* **Extracted records**:

-- -- --

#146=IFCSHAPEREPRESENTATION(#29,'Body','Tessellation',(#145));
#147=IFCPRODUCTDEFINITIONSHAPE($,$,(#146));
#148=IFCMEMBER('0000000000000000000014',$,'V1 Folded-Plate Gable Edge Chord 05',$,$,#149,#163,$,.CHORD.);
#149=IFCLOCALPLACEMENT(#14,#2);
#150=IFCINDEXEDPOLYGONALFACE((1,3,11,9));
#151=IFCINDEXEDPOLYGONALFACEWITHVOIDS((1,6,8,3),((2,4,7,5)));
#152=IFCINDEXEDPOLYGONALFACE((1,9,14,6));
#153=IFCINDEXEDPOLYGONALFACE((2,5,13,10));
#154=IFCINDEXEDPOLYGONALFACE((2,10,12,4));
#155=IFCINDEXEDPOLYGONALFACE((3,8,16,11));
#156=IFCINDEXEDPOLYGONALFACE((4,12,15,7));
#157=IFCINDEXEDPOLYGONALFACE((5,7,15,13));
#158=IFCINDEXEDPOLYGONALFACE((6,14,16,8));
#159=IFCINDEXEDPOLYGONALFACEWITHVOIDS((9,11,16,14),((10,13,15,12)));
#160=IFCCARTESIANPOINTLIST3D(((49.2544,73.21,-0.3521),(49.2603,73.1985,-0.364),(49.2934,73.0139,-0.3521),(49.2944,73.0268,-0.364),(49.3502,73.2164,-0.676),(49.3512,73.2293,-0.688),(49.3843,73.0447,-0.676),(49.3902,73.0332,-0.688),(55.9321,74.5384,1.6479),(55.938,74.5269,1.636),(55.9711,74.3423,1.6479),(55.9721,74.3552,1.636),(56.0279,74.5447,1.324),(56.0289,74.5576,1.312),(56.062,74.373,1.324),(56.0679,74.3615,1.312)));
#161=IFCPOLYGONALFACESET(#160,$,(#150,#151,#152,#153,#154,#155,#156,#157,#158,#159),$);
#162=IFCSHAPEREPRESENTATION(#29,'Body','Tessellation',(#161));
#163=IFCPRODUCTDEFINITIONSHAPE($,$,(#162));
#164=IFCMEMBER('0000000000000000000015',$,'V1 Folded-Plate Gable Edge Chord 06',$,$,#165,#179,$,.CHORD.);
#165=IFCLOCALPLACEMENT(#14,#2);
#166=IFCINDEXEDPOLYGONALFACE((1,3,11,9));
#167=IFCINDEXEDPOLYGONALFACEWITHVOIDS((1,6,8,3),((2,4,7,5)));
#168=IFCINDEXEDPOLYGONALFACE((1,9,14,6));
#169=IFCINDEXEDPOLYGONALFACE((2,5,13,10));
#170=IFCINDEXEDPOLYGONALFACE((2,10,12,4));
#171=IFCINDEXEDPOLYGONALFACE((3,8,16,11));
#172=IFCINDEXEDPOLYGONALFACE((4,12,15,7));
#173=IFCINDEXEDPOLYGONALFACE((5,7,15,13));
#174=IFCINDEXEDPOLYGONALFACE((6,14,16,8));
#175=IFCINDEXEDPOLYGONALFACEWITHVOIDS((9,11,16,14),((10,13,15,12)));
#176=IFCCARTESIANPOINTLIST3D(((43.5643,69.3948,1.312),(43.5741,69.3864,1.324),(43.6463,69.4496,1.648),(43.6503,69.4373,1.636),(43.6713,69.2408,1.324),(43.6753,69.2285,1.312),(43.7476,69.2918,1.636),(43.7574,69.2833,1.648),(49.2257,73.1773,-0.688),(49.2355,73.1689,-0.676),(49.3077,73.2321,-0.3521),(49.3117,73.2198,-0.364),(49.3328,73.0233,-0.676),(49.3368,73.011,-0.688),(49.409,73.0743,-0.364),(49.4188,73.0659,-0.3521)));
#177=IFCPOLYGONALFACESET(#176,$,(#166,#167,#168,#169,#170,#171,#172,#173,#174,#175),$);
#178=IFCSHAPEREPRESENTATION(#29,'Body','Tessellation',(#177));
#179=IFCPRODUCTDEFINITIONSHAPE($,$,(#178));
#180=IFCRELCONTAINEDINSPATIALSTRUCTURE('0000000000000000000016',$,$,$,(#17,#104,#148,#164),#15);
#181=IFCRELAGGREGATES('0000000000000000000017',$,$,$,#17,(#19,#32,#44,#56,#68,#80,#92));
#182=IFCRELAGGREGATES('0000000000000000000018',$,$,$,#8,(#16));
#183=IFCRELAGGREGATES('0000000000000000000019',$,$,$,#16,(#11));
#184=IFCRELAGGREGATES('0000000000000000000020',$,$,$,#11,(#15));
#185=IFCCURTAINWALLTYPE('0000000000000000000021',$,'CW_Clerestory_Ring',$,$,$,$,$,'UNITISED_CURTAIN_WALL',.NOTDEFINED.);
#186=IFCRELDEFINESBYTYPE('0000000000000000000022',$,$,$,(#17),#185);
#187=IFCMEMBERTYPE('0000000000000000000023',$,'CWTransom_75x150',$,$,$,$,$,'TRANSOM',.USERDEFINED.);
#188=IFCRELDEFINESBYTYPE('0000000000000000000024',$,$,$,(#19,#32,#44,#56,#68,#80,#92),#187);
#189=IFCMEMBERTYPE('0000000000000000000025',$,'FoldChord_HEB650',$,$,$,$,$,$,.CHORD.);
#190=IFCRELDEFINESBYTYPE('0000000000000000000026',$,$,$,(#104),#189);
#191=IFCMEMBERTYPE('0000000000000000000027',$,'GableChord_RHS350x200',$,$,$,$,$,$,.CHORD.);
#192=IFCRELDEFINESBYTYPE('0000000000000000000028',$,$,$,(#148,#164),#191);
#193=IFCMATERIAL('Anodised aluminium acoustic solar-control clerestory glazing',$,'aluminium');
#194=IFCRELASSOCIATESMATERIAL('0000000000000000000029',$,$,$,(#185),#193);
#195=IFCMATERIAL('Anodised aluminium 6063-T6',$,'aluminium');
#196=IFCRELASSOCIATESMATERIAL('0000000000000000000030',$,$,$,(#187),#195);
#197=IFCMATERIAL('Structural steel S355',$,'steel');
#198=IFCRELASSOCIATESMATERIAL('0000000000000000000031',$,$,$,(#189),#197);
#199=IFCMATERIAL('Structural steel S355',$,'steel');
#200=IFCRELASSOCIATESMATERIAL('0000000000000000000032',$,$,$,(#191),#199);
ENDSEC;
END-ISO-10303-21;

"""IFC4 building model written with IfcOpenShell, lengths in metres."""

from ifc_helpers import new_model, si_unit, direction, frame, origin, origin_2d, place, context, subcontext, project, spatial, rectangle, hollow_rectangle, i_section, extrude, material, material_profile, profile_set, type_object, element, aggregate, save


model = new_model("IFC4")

-- -- --

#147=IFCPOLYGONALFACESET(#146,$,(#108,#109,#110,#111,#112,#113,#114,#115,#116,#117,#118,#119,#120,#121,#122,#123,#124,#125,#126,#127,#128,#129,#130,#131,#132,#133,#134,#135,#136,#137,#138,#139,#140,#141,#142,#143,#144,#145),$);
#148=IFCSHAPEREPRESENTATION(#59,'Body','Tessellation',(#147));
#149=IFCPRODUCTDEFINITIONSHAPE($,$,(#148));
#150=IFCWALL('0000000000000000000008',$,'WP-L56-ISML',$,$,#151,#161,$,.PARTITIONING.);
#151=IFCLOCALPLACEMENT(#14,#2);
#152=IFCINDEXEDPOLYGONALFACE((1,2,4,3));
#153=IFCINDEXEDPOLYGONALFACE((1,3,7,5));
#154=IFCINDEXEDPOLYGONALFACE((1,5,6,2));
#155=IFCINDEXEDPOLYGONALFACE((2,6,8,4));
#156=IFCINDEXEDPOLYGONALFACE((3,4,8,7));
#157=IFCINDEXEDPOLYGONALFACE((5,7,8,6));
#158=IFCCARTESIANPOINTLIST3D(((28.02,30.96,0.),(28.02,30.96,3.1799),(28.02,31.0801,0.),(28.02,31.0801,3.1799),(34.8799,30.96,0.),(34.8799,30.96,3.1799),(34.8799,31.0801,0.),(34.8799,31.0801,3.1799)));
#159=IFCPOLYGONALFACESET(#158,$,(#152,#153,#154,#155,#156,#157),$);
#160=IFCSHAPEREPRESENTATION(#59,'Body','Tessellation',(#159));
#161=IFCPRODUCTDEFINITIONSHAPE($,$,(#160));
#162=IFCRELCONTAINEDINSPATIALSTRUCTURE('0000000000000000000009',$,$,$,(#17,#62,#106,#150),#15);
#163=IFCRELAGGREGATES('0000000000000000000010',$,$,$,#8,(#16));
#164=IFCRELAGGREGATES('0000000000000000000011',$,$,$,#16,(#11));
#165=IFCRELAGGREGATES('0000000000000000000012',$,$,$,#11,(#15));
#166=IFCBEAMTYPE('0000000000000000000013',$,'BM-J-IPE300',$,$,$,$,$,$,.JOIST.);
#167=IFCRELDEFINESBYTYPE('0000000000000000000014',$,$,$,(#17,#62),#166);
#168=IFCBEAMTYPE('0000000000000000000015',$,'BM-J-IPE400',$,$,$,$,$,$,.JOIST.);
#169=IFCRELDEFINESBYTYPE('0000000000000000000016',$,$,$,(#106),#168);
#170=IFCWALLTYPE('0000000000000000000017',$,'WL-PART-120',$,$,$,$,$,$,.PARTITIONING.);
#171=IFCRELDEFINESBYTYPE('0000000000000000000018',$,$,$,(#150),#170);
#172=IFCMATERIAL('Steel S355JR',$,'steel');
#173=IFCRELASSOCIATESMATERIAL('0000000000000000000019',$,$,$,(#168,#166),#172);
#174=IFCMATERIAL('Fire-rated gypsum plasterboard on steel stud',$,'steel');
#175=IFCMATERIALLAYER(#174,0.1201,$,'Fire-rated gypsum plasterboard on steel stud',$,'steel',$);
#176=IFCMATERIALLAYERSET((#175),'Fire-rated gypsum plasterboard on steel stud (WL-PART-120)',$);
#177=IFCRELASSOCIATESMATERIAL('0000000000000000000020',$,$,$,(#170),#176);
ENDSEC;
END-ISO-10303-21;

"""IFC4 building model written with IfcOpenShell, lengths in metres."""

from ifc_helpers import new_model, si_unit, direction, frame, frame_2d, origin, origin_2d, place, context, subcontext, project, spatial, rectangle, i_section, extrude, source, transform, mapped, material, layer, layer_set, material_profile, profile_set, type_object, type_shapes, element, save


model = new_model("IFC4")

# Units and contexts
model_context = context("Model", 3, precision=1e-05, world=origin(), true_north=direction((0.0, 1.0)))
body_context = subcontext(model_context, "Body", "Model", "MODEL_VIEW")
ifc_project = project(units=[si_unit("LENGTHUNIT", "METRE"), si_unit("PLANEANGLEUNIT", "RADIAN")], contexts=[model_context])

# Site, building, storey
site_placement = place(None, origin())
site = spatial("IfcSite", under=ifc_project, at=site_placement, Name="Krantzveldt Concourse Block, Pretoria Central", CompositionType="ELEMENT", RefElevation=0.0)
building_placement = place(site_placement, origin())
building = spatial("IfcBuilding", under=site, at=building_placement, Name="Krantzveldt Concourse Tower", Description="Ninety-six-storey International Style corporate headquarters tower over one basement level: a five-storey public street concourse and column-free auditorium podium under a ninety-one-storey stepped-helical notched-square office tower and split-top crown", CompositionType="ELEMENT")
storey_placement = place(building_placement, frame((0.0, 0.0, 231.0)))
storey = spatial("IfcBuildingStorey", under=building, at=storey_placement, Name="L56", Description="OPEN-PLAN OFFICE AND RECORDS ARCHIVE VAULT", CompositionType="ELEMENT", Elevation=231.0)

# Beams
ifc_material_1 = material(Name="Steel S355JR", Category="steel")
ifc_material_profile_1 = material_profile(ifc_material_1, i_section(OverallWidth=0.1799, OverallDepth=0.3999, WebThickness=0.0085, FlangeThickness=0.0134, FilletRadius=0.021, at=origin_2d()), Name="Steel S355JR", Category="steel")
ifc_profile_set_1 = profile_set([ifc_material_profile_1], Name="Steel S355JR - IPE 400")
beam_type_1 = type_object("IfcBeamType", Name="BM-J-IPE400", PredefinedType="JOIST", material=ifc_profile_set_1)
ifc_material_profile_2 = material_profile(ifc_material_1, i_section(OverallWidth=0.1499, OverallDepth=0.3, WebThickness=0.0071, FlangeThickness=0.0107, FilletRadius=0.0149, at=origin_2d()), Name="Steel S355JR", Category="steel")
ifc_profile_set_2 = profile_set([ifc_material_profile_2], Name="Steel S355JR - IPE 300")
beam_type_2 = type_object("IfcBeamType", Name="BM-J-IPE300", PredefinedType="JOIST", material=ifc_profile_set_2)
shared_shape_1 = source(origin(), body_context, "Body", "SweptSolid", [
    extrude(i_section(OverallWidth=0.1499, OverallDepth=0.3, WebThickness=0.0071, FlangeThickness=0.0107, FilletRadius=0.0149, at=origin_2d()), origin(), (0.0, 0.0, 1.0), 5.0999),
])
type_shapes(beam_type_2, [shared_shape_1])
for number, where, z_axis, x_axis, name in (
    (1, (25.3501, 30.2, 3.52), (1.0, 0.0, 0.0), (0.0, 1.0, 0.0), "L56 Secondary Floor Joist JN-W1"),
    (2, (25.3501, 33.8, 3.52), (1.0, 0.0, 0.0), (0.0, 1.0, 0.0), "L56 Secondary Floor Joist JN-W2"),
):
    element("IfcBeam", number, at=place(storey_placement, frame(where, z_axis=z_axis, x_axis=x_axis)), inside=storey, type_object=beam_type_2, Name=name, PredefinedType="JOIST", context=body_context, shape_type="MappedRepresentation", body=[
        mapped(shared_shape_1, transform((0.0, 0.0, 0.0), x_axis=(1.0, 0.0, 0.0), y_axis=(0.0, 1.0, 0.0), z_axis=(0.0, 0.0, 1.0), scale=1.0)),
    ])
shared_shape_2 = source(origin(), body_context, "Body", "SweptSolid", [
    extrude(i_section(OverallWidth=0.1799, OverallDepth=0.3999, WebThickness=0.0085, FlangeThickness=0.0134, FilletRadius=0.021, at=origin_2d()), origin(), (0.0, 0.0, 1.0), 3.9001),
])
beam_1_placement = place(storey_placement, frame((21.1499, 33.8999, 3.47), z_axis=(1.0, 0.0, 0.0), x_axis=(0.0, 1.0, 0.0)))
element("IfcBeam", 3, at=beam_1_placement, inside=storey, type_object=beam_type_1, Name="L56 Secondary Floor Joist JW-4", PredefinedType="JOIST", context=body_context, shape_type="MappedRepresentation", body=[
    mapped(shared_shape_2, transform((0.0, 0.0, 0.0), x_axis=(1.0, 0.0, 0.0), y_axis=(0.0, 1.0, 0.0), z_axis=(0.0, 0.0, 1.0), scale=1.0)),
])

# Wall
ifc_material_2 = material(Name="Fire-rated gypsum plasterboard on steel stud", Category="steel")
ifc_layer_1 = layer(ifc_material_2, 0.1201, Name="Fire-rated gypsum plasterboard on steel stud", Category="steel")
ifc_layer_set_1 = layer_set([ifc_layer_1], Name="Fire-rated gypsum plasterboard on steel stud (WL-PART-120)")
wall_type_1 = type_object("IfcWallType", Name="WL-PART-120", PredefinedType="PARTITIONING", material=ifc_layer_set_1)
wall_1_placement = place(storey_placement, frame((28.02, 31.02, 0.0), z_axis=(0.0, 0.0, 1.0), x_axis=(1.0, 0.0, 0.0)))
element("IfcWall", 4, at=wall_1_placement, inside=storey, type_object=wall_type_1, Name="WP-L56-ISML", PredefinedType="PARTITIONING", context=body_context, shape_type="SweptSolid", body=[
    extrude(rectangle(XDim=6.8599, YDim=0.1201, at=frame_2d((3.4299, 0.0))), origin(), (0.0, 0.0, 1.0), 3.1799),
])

-- -- --

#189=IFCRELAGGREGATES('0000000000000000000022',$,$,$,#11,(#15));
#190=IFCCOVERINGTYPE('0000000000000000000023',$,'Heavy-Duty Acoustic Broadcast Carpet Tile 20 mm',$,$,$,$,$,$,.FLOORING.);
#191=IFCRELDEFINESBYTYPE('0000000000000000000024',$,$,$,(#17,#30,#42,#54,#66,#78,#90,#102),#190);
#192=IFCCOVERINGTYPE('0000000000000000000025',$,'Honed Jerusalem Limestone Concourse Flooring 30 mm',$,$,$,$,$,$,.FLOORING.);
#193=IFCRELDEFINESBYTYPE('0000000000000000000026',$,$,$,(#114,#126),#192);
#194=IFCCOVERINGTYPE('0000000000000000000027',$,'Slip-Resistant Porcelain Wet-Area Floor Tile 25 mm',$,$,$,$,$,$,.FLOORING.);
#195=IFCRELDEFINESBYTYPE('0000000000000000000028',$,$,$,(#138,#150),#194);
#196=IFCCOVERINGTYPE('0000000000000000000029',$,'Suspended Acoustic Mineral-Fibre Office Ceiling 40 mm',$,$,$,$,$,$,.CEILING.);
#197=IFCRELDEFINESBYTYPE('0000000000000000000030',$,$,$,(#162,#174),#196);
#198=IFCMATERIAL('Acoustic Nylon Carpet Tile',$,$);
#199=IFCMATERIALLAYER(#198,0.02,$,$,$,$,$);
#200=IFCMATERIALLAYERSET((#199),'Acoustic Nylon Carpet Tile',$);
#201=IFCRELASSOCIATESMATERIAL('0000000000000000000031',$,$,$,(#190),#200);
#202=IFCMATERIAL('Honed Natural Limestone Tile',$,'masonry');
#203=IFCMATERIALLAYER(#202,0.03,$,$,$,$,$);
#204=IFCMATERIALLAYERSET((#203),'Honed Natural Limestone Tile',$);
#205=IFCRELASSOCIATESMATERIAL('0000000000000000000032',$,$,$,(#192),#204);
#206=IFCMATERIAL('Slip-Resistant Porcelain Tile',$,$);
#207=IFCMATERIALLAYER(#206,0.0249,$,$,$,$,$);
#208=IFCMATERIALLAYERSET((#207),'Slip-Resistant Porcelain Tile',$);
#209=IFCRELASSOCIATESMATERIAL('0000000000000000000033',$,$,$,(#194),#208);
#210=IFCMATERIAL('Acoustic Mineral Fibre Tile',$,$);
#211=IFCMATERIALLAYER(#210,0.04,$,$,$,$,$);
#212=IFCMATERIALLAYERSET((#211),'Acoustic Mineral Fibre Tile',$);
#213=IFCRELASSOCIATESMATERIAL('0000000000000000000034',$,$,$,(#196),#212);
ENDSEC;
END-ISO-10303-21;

-- -- --

* **Problem details**: The word "Fibre" appears on some lines of the data above; count those lines and give only the total.

* **Reply**: 3